───── Given information

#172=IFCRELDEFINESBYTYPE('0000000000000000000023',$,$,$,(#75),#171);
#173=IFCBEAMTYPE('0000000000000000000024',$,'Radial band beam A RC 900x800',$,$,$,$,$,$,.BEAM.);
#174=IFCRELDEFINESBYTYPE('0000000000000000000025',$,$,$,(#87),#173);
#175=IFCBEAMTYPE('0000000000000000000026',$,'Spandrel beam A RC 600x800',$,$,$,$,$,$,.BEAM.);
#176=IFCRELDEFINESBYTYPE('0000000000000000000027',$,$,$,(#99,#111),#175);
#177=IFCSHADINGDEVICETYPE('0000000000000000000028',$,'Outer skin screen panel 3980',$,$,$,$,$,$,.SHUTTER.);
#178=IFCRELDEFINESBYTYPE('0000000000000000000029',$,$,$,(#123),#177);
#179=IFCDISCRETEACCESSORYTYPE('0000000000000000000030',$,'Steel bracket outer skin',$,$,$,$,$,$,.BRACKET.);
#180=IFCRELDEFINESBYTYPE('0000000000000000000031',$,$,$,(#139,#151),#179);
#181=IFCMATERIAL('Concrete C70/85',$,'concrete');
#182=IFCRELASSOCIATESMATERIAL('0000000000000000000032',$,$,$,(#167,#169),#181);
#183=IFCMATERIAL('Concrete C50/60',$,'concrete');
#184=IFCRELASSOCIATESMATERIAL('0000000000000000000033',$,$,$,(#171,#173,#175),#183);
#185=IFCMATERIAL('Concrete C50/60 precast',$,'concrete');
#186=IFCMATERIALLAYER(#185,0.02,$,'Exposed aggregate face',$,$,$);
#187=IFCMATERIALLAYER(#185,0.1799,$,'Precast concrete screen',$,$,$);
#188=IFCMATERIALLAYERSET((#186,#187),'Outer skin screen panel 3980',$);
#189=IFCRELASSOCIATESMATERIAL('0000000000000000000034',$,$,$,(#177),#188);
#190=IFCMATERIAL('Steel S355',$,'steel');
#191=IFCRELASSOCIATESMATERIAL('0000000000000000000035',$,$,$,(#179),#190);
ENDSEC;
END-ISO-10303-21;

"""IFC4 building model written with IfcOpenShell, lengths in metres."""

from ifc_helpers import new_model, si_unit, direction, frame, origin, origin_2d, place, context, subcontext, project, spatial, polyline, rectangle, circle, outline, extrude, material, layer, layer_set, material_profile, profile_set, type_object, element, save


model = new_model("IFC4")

──────────

Brief: Note how many lines of the records contain the string "IFCRELASSOCIATESMATERIAL", and give that number with nothing added.

The answer: 4